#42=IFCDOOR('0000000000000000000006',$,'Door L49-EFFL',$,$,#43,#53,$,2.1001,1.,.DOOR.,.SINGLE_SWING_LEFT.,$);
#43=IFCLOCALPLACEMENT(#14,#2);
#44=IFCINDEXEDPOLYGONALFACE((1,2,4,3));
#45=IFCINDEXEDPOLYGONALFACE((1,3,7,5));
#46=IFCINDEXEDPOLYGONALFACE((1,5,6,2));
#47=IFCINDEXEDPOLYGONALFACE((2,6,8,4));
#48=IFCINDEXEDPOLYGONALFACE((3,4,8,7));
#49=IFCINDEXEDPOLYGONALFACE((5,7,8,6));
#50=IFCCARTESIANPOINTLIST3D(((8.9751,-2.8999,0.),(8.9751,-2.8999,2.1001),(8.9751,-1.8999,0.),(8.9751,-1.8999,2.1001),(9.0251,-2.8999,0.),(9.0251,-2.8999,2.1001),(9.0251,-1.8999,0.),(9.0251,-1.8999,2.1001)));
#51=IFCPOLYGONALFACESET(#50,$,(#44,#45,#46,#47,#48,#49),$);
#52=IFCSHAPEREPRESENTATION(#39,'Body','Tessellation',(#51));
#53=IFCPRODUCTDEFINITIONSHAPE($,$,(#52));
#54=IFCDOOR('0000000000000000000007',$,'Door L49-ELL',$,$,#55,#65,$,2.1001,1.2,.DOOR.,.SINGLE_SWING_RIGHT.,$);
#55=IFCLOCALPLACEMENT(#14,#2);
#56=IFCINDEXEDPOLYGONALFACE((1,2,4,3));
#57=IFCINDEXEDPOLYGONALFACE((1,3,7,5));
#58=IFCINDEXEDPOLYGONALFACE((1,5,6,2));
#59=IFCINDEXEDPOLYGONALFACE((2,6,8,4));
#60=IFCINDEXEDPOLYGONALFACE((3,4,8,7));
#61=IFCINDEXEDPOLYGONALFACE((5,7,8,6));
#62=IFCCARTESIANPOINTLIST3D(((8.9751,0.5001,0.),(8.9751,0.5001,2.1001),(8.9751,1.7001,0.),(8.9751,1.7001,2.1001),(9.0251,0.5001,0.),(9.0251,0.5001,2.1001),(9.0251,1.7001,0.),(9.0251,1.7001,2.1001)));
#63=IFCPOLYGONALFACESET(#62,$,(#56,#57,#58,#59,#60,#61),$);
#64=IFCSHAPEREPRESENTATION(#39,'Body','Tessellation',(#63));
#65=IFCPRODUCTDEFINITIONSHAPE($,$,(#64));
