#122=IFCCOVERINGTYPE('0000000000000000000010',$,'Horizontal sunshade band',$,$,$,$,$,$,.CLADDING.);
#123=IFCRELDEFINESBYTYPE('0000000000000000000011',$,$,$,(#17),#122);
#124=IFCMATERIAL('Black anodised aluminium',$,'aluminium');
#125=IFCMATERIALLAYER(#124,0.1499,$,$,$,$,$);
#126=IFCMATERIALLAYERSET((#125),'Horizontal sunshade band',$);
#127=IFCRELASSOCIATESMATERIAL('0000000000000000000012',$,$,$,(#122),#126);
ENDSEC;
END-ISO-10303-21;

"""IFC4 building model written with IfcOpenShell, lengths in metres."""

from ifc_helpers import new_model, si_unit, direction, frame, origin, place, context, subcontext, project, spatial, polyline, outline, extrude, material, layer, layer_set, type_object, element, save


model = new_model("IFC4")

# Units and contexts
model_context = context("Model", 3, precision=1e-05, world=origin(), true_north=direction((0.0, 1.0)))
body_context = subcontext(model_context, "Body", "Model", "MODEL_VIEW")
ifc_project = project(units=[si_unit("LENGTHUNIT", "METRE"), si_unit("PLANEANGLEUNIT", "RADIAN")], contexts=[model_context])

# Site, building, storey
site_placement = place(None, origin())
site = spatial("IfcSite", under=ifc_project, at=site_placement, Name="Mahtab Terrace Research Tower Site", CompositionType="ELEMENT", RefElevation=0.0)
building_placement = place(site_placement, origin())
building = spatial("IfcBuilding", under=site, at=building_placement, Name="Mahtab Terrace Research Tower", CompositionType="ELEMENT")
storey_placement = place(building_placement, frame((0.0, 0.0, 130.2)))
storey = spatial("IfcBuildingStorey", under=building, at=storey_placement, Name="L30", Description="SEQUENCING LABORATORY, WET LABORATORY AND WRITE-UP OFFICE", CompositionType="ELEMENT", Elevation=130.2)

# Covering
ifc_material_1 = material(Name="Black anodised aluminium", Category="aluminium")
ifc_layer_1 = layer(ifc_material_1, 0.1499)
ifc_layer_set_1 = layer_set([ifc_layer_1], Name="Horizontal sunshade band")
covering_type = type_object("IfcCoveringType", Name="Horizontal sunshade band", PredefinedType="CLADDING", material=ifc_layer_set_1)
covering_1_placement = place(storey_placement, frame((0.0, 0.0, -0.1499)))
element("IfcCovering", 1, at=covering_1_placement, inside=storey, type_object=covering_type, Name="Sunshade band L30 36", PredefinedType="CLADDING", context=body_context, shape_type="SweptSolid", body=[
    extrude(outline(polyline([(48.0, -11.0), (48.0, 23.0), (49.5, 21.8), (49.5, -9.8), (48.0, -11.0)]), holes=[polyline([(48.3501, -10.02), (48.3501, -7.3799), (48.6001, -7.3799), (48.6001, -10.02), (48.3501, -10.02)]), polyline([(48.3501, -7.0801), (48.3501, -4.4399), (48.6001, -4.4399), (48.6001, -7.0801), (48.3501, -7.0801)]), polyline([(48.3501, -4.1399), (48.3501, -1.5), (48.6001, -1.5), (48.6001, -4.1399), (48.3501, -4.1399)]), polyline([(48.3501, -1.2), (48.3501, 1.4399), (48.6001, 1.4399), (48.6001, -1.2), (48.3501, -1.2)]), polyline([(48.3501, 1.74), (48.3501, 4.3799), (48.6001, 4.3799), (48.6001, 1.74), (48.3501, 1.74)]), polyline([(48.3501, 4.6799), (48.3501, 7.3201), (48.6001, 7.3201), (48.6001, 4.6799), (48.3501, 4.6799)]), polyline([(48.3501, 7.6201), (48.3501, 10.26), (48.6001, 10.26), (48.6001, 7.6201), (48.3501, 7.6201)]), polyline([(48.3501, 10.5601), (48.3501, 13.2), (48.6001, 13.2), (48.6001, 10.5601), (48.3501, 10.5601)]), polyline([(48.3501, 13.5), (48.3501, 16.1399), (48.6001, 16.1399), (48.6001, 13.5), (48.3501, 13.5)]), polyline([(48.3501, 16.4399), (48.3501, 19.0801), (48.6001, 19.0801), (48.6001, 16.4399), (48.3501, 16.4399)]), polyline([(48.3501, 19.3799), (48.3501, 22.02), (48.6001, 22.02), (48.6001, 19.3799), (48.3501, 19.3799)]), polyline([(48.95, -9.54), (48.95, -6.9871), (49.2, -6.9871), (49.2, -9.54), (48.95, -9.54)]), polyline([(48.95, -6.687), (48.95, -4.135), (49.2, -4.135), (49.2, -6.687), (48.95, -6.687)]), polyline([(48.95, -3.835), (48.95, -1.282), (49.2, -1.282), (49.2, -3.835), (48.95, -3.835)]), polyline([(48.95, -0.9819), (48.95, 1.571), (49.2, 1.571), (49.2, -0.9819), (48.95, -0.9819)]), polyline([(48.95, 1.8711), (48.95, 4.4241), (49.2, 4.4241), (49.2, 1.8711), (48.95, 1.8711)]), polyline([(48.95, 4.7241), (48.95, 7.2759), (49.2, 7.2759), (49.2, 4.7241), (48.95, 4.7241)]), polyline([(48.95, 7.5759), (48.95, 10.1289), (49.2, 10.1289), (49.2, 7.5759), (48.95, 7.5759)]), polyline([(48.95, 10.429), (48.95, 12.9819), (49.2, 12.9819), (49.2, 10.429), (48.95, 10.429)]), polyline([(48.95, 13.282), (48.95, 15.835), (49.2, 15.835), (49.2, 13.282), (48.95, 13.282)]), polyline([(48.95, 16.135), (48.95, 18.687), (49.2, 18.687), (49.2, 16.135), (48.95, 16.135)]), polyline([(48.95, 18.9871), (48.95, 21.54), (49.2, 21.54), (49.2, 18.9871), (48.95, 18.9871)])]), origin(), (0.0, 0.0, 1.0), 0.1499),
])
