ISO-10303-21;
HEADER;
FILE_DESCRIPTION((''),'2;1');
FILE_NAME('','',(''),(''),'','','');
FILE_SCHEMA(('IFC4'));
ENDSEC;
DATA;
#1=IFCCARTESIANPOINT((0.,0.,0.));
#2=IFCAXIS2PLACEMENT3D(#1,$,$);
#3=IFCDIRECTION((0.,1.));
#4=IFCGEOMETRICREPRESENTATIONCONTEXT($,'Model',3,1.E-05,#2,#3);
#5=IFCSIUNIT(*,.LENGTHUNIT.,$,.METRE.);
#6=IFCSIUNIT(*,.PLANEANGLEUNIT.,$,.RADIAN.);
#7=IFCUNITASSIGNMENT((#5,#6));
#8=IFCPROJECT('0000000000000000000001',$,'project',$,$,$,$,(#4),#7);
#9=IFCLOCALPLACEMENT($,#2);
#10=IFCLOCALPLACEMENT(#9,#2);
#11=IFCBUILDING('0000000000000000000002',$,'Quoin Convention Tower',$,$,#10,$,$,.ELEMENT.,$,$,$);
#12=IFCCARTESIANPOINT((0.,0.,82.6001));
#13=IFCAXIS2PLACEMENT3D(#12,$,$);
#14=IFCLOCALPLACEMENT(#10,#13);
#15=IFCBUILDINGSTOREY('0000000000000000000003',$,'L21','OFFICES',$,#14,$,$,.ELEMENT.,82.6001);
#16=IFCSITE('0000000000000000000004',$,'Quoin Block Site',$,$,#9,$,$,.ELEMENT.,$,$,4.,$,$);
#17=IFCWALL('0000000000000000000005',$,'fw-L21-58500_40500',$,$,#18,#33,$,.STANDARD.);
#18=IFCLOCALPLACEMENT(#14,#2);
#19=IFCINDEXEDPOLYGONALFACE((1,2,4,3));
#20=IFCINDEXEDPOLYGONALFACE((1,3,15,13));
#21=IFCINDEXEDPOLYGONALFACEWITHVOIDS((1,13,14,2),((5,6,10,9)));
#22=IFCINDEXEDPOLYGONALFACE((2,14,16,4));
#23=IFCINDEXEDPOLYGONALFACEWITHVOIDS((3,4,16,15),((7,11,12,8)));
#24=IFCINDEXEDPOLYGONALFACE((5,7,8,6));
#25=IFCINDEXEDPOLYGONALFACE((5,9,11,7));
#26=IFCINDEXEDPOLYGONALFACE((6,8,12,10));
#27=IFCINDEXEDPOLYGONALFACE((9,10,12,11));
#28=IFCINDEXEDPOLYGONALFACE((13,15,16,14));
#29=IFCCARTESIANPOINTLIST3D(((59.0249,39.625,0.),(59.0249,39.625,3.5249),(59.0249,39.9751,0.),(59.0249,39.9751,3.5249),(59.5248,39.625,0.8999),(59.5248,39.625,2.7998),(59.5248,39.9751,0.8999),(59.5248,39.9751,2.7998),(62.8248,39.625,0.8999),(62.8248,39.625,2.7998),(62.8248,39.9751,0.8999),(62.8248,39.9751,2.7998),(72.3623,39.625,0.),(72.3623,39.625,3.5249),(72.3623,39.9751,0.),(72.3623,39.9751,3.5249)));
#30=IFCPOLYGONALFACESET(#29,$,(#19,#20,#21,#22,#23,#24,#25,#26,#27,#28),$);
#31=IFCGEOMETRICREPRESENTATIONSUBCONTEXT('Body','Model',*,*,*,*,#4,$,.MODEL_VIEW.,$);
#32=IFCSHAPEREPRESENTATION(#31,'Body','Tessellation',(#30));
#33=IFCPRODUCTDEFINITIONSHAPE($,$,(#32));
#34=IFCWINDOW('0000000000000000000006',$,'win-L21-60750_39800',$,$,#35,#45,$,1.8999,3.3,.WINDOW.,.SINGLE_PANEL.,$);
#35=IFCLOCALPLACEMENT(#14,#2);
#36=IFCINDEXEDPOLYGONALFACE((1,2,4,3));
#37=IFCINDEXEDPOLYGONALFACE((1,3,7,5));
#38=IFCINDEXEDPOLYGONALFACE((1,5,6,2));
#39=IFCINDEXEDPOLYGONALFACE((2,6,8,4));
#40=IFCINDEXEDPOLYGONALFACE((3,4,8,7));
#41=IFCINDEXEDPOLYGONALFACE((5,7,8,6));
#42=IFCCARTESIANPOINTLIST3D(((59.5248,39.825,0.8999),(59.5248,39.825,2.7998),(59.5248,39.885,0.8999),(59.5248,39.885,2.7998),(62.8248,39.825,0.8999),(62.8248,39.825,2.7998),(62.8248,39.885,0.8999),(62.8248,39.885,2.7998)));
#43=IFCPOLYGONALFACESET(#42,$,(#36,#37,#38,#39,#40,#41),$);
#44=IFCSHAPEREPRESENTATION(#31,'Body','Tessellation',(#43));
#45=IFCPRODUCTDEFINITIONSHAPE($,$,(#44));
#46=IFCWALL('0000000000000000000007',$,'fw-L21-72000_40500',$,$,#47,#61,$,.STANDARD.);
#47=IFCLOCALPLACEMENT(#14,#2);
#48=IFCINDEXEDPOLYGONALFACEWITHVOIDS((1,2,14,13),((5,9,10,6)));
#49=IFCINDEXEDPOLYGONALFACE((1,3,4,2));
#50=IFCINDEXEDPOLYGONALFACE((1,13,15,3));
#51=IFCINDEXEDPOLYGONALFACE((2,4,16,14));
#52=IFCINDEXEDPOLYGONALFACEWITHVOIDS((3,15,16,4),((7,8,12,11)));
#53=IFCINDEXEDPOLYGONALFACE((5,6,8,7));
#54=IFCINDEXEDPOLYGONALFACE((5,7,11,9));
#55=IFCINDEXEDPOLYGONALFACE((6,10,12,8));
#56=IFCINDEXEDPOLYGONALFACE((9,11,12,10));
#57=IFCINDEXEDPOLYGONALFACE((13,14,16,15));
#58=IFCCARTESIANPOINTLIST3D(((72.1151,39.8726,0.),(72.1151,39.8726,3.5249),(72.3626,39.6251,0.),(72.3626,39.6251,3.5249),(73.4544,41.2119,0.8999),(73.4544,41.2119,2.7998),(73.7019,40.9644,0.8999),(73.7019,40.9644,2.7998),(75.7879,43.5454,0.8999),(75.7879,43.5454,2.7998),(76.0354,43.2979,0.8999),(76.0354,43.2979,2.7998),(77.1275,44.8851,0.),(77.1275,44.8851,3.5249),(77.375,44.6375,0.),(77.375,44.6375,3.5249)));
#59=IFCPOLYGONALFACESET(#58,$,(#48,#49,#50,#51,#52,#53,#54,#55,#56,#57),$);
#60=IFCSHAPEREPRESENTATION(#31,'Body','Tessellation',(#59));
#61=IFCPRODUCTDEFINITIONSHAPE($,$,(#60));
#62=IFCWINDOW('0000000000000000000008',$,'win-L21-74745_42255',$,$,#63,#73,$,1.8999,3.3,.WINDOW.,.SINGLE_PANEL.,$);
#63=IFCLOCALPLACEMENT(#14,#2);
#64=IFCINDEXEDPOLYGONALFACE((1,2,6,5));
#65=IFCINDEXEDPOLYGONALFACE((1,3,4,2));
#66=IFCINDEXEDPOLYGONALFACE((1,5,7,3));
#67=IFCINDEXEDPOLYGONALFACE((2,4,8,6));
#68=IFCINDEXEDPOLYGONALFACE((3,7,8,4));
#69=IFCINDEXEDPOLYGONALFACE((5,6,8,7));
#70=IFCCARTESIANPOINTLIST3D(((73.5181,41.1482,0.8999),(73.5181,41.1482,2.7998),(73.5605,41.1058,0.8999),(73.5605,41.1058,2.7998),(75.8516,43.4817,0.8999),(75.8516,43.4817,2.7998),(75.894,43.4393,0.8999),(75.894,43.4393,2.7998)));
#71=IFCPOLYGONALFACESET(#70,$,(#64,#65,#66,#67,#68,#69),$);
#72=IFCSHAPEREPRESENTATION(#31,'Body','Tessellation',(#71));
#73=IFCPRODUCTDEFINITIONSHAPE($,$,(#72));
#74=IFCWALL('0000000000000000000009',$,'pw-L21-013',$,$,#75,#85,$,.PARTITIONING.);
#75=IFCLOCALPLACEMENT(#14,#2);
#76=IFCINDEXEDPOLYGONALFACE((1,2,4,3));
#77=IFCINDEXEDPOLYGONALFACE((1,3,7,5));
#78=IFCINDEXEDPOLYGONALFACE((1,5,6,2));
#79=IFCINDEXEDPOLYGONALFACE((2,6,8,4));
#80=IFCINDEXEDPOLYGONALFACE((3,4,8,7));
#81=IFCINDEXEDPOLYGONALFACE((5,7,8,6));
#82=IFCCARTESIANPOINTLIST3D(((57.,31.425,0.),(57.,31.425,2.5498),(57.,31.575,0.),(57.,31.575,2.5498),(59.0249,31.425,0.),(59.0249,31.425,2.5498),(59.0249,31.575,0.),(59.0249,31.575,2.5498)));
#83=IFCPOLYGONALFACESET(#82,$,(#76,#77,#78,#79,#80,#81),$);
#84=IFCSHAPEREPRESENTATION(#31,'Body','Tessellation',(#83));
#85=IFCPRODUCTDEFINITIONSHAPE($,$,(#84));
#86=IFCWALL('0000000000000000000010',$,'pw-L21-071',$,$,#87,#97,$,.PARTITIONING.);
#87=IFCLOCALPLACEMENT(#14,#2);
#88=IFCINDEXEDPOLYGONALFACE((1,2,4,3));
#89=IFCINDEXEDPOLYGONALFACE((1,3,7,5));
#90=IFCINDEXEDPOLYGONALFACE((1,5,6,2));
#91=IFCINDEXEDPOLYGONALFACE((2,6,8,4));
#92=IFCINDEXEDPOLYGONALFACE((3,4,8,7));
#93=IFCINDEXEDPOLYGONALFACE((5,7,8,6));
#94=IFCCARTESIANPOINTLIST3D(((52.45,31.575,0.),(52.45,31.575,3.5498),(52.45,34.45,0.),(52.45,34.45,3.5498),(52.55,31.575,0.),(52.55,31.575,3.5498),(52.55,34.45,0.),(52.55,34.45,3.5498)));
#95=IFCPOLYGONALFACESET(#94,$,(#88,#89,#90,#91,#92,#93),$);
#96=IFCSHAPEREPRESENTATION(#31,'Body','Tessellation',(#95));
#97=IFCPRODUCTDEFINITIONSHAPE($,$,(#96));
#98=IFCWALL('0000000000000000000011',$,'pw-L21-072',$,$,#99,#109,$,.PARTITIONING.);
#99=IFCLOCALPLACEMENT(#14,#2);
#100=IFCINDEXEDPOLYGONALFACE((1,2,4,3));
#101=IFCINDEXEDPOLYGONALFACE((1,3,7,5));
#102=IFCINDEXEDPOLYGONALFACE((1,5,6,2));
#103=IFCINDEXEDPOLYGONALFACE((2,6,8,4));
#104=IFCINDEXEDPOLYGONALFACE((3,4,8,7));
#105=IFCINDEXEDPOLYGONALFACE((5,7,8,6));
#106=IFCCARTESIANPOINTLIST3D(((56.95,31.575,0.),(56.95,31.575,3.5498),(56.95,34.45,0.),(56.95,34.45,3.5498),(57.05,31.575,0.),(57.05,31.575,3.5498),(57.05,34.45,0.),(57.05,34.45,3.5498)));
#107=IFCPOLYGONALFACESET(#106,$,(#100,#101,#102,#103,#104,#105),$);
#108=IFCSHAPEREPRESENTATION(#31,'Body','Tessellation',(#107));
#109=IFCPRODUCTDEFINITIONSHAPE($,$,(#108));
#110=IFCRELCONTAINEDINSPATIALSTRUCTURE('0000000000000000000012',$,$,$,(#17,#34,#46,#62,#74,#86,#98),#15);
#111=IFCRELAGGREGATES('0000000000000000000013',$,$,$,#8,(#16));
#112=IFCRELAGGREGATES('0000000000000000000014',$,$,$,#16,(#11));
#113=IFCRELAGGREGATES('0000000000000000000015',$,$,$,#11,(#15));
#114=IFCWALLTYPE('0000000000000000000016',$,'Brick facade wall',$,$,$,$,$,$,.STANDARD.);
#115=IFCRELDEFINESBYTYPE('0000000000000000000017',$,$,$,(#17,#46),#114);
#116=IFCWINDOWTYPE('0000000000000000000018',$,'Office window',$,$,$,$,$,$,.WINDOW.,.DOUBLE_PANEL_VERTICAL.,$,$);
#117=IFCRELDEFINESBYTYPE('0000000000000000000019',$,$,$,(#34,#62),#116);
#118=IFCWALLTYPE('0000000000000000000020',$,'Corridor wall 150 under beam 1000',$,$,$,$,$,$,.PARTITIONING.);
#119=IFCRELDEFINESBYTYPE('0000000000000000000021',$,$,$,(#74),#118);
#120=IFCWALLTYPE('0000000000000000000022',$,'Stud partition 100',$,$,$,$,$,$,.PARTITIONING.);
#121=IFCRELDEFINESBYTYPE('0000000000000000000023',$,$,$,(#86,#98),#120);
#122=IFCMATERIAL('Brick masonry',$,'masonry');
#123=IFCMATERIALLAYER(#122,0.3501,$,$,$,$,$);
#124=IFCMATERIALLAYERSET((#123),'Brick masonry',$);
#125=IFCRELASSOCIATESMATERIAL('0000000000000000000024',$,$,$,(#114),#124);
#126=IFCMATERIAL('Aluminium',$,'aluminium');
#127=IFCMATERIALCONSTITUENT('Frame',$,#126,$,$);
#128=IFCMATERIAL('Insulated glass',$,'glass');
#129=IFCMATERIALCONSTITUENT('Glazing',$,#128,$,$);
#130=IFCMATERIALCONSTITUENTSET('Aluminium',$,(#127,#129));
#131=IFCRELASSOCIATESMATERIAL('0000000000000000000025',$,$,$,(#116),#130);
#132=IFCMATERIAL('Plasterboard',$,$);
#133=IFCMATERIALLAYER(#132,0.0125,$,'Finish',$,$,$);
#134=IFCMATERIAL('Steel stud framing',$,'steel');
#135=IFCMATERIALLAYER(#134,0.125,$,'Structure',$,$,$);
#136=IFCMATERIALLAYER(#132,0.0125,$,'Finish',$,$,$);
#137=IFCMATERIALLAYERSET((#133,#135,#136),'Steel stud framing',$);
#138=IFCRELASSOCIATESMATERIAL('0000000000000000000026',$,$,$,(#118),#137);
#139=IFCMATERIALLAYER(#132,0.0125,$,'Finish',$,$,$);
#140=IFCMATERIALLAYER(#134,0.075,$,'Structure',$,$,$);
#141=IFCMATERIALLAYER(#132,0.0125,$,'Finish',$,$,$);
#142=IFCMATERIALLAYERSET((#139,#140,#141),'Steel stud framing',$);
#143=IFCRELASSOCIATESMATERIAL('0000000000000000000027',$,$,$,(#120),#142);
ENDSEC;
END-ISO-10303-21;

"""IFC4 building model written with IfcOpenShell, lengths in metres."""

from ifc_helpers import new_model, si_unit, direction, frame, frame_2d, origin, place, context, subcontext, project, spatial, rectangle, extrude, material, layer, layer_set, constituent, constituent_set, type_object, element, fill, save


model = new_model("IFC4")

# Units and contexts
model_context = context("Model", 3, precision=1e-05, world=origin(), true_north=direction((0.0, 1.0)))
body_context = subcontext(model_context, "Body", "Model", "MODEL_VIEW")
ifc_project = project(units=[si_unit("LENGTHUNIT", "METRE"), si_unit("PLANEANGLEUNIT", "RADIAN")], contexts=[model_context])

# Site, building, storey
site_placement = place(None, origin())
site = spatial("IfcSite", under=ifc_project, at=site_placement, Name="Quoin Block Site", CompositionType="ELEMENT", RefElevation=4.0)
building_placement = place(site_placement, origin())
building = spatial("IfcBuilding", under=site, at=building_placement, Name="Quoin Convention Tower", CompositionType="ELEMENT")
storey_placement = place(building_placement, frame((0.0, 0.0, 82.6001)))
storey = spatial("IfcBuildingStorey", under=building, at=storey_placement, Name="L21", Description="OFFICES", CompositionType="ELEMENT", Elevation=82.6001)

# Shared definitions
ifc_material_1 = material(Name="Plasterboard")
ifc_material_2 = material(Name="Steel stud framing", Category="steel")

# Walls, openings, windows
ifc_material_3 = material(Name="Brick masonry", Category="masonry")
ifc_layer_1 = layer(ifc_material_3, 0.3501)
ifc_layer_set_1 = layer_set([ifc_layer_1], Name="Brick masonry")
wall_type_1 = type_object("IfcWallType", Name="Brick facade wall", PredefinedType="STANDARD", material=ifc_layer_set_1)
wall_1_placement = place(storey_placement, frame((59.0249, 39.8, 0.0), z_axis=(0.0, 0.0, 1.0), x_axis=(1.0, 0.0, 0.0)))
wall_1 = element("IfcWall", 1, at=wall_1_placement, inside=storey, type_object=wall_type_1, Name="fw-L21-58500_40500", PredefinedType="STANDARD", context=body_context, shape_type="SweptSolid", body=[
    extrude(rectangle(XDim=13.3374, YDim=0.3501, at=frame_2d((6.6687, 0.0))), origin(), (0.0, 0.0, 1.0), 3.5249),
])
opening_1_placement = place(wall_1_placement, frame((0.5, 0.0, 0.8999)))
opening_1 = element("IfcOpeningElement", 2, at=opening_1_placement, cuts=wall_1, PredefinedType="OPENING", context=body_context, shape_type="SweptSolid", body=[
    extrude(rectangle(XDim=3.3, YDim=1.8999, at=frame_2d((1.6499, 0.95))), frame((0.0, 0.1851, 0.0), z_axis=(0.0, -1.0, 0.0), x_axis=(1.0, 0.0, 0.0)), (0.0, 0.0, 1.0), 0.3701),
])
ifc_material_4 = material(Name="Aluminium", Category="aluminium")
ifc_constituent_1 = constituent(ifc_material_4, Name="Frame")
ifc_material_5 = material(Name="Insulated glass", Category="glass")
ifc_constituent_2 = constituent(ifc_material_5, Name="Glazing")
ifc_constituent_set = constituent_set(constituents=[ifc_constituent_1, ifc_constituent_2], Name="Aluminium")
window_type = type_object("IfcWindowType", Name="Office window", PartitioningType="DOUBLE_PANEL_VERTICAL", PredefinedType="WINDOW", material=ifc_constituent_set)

PROBLEM STATEMENT:
Write only the number of lines in the data where the string "IFCMATERIALLAYERSET" can be found.

SOLVED PROBLEM:
4